> [WHAT TO PRODUCE] Among the lines below, restate word for word only those from the line with "#105=IFCMATERIAL('Solar-Control Low-E Insulated" through the line with "END-ISO-10303-21;", with both end lines kept.

> [DATA]
┄┄┄┄┄┄
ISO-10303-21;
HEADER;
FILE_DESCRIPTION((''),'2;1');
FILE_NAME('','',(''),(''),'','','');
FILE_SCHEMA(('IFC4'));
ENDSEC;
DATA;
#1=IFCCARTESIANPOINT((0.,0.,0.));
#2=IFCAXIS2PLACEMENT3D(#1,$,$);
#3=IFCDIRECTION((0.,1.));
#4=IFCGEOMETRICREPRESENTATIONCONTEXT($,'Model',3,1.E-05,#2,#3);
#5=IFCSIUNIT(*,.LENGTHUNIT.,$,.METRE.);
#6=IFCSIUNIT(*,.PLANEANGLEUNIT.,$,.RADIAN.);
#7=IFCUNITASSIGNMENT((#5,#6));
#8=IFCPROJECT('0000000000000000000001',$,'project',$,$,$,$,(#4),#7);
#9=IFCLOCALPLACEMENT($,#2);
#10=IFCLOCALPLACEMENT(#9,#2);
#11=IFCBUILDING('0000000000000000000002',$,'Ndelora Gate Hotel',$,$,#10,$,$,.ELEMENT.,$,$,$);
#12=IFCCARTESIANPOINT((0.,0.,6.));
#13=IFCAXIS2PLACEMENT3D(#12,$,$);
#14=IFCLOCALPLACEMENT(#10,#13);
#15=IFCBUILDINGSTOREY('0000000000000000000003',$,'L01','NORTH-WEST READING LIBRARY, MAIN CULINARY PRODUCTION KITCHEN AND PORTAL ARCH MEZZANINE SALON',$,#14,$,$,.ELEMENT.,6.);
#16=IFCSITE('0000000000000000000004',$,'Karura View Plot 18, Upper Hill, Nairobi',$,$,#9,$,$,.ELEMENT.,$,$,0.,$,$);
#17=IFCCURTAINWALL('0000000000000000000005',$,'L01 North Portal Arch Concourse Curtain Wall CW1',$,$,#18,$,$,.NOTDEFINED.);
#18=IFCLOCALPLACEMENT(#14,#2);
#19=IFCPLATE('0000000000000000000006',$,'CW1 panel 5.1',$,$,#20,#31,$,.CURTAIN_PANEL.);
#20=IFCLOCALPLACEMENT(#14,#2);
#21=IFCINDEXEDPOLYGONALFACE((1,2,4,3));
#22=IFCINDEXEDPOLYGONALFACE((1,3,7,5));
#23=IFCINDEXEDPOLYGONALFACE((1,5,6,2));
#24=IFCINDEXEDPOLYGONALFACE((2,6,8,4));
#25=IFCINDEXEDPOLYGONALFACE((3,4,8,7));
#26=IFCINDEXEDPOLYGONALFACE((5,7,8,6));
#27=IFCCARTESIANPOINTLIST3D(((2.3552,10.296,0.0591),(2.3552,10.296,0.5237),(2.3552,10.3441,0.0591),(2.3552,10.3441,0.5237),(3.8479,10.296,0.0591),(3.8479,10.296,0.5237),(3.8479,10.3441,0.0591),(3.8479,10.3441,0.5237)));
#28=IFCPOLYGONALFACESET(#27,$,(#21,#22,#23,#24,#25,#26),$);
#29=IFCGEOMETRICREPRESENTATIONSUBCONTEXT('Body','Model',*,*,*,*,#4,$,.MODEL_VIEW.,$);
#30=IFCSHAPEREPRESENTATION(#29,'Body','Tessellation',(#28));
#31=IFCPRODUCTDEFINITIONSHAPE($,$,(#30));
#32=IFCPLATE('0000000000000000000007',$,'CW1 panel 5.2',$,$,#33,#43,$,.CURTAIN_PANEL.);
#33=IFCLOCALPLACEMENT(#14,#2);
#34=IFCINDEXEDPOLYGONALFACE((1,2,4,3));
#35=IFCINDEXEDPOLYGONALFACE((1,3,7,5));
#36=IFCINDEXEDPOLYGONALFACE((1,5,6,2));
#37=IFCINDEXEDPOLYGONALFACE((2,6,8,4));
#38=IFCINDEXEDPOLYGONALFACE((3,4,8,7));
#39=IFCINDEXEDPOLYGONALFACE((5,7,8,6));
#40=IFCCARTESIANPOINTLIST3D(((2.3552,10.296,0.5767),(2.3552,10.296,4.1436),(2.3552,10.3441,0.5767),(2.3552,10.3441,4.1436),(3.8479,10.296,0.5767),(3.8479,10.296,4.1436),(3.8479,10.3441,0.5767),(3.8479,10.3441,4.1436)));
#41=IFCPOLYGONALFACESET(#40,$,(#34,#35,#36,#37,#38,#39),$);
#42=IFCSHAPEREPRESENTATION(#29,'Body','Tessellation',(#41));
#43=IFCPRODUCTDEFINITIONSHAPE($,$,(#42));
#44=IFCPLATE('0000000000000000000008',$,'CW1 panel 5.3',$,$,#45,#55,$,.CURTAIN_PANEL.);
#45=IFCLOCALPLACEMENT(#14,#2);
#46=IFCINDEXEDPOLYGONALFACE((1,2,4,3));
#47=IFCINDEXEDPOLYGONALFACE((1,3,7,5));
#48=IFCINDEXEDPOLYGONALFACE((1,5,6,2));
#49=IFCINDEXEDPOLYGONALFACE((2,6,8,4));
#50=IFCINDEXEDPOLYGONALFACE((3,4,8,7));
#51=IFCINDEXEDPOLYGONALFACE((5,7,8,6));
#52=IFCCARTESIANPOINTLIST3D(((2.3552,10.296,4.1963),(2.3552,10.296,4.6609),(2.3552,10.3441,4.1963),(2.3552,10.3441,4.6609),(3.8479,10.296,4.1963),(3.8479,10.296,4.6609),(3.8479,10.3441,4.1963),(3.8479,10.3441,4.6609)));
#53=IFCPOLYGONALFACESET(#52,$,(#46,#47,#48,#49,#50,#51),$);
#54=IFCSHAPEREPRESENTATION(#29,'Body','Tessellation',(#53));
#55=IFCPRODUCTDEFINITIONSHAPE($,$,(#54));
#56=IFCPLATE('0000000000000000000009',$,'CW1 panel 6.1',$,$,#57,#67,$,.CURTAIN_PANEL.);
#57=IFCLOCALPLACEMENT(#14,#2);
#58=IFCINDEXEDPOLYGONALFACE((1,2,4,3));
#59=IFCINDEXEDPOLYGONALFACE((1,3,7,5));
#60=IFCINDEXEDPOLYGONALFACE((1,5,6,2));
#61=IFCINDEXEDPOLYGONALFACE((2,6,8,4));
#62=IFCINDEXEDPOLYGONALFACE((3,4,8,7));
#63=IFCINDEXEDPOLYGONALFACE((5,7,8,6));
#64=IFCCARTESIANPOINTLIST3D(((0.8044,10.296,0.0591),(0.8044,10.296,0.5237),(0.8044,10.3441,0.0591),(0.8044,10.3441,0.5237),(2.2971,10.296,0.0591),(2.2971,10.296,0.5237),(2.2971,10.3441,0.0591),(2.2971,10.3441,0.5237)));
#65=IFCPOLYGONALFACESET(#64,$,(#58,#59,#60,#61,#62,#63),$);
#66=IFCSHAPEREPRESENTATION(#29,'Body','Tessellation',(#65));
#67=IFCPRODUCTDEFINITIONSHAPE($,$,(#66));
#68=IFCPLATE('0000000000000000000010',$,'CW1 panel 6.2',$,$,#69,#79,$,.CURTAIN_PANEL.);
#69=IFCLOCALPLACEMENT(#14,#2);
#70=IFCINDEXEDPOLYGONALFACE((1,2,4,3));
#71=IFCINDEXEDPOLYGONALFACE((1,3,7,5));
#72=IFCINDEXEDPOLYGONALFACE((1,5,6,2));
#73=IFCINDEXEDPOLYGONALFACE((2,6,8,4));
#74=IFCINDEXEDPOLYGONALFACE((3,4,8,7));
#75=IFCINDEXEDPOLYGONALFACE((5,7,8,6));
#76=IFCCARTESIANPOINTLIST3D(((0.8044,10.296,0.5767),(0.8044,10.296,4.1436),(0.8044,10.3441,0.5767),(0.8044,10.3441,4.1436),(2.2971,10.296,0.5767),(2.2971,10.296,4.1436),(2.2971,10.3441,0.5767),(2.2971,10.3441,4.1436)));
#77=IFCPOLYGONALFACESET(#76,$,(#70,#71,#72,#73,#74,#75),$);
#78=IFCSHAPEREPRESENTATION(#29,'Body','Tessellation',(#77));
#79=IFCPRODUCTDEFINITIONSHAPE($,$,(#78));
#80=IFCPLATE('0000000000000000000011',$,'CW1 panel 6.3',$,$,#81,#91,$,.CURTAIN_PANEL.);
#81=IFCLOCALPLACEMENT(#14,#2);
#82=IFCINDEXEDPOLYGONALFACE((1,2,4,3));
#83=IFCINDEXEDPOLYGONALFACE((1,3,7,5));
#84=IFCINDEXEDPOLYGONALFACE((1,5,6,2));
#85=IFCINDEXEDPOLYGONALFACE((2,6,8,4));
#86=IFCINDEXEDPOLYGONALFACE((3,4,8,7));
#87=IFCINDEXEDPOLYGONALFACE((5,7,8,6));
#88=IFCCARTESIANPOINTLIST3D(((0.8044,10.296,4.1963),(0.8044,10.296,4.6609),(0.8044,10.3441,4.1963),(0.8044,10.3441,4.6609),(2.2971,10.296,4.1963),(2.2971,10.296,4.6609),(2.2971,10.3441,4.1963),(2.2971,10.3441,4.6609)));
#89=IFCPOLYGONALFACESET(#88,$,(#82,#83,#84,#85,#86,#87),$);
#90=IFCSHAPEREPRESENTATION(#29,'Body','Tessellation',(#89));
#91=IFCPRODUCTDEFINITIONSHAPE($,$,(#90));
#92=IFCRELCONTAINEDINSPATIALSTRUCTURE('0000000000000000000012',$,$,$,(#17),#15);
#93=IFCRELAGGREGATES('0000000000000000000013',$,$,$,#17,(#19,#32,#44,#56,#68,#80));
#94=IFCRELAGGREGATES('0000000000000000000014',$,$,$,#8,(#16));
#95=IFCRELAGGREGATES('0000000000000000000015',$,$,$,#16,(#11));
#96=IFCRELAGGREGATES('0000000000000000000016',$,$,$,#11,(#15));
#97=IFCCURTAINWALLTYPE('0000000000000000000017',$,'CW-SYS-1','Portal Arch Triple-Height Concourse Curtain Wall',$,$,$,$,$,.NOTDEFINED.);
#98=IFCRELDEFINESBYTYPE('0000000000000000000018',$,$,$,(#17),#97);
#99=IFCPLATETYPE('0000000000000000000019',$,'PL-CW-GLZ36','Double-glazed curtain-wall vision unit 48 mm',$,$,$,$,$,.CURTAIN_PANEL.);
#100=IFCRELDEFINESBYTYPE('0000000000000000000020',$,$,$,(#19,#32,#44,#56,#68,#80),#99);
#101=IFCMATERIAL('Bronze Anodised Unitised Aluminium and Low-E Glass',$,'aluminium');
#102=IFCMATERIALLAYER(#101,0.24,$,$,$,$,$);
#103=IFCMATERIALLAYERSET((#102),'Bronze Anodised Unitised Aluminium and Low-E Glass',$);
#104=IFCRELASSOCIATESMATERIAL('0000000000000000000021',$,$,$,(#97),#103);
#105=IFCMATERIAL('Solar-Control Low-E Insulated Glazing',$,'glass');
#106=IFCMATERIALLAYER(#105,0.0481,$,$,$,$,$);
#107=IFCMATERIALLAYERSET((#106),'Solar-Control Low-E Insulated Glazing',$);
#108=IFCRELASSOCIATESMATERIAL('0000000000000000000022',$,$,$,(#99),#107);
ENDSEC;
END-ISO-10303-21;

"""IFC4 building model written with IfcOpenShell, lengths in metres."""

from ifc_helpers import new_model, si_unit, direction, frame, origin, origin_2d, place, context, subcontext, project, spatial, rectangle, extrude, material, layer, layer_set, type_object, element, aggregate, save


model = new_model("IFC4")

# Units and contexts
model_context = context("Model", 3, precision=1e-05, world=origin(), true_north=direction((0.0, 1.0)))
body_context = subcontext(model_context, "Body", "Model", "MODEL_VIEW")
ifc_project = project(units=[si_unit("LENGTHUNIT", "METRE"), si_unit("PLANEANGLEUNIT", "RADIAN")], contexts=[model_context])

# Site, building, storey
site_placement = place(None, origin())
site = spatial("IfcSite", under=ifc_project, at=site_placement, Name="Karura View Plot 18, Upper Hill, Nairobi", CompositionType="ELEMENT", RefElevation=0.0)
building_placement = place(site_placement, origin())
building = spatial("IfcBuilding", under=site, at=building_placement, Name="Ndelora Gate Hotel", CompositionType="ELEMENT")
storey_placement = place(building_placement, frame((0.0, 0.0, 6.0)))
storey = spatial("IfcBuildingStorey", under=building, at=storey_placement, Name="L01", Description="NORTH-WEST READING LIBRARY, MAIN CULINARY PRODUCTION KITCHEN AND PORTAL ARCH MEZZANINE SALON", CompositionType="ELEMENT", Elevation=6.0)

# Curtain wall, plates
ifc_material_1 = material(Name="Bronze Anodised Unitised Aluminium and Low-E Glass", Category="aluminium")
ifc_layer_1 = layer(ifc_material_1, 0.24)
ifc_layer_set_1 = layer_set([ifc_layer_1], Name="Bronze Anodised Unitised Aluminium and Low-E Glass")
curtain_wall_type = type_object("IfcCurtainWallType", Name="CW-SYS-1", Description="Portal Arch Triple-Height Concourse Curtain Wall", PredefinedType="NOTDEFINED", material=ifc_layer_set_1)
curtain_wall_placement = place(storey_placement, origin())
curtain_wall = element("IfcCurtainWall", 1, at=curtain_wall_placement, inside=storey, type_object=curtain_wall_type, Name="L01 North Portal Arch Concourse Curtain Wall CW1", PredefinedType="NOTDEFINED")
ifc_material_2 = material(Name="Solar-Control Low-E Insulated Glazing", Category="glass")
ifc_layer_2 = layer(ifc_material_2, 0.0481)
ifc_layer_set_2 = layer_set([ifc_layer_2], Name="Solar-Control Low-E Insulated Glazing")
plate_type = type_object("IfcPlateType", Name="PL-CW-GLZ36", Description="Double-glazed curtain-wall vision unit 48 mm", PredefinedType="CURTAIN_PANEL", material=ifc_layer_set_2)
plate_1_placement = place(storey_placement, frame((3.1016, 10.3201, 0.0591), z_axis=(0.0, 0.0, 1.0), x_axis=(-1.0, 0.0, 0.0)))
plate_1 = element("IfcPlate", 2, at=plate_1_placement, type_object=plate_type, Name="CW1 panel 5.1", PredefinedType="CURTAIN_PANEL", context=body_context, shape_type="SweptSolid", body=[
    extrude(rectangle(XDim=1.4927, YDim=0.0481, at=origin_2d()), origin(), (0.0, 0.0, 1.0), 0.4646),
])
plate_2_placement = place(storey_placement, frame((3.1016, 10.3201, 0.5767), z_axis=(0.0, 0.0, 1.0), x_axis=(-1.0, 0.0, 0.0)))
plate_2 = element("IfcPlate", 3, at=plate_2_placement, type_object=plate_type, Name="CW1 panel 5.2", PredefinedType="CURTAIN_PANEL", context=body_context, shape_type="SweptSolid", body=[
    extrude(rectangle(XDim=1.4927, YDim=0.0481, at=origin_2d()), origin(), (0.0, 0.0, 1.0), 3.5669),
])
plate_3_placement = place(storey_placement, frame((3.1016, 10.3201, 4.1963), z_axis=(0.0, 0.0, 1.0), x_axis=(-1.0, 0.0, 0.0)))
plate_3 = element("IfcPlate", 4, at=plate_3_placement, type_object=plate_type, Name="CW1 panel 5.3", PredefinedType="CURTAIN_PANEL", context=body_context, shape_type="SweptSolid", body=[
    extrude(rectangle(XDim=1.4927, YDim=0.0481, at=origin_2d()), origin(), (0.0, 0.0, 1.0), 0.4646),
])
plate_4_placement = place(storey_placement, frame((1.5508, 10.3201, 0.0591), z_axis=(0.0, 0.0, 1.0), x_axis=(-1.0, 0.0, 0.0)))
plate_4 = element("IfcPlate", 5, at=plate_4_placement, type_object=plate_type, Name="CW1 panel 6.1", PredefinedType="CURTAIN_PANEL", context=body_context, shape_type="SweptSolid", body=[
    extrude(rectangle(XDim=1.4927, YDim=0.0481, at=origin_2d()), origin(), (0.0, 0.0, 1.0), 0.4646),
])
plate_5_placement = place(storey_placement, frame((1.5508, 10.3201, 0.5767), z_axis=(0.0, 0.0, 1.0), x_axis=(-1.0, 0.0, 0.0)))
plate_5 = element("IfcPlate", 6, at=plate_5_placement, type_object=plate_type, Name="CW1 panel 6.2", PredefinedType="CURTAIN_PANEL", context=body_context, shape_type="SweptSolid", body=[
    extrude(rectangle(XDim=1.4927, YDim=0.0481, at=origin_2d()), origin(), (0.0, 0.0, 1.0), 3.5669),
])
plate_6_placement = place(storey_placement, frame((1.5508, 10.3201, 4.1963), z_axis=(0.0, 0.0, 1.0), x_axis=(-1.0, 0.0, 0.0)))
plate_6 = element("IfcPlate", 7, at=plate_6_placement, type_object=plate_type, Name="CW1 panel 6.3", PredefinedType="CURTAIN_PANEL", context=body_context, shape_type="SweptSolid", body=[
    extrude(rectangle(XDim=1.4927, YDim=0.0481, at=origin_2d()), origin(), (0.0, 0.0, 1.0), 0.4646),
])
aggregate(curtain_wall, [plate_1, plate_2, plate_3, plate_4, plate_5, plate_6])

save(model, "model.ifc")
┄┄┄┄┄┄
> [ANSWER FOR THIS EXERCISE]
#105=IFCMATERIAL('Solar-Control Low-E Insulated Glazing',$,'glass');
#106=IFCMATERIALLAYER(#105,0.0481,$,$,$,$,$);
#107=IFCMATERIALLAYERSET((#106),'Solar-Control Low-E Insulated Glazing',$);
#108=IFCRELASSOCIATESMATERIAL('0000000000000000000022',$,$,$,(#99),#107);
ENDSEC;
END-ISO-10303-21;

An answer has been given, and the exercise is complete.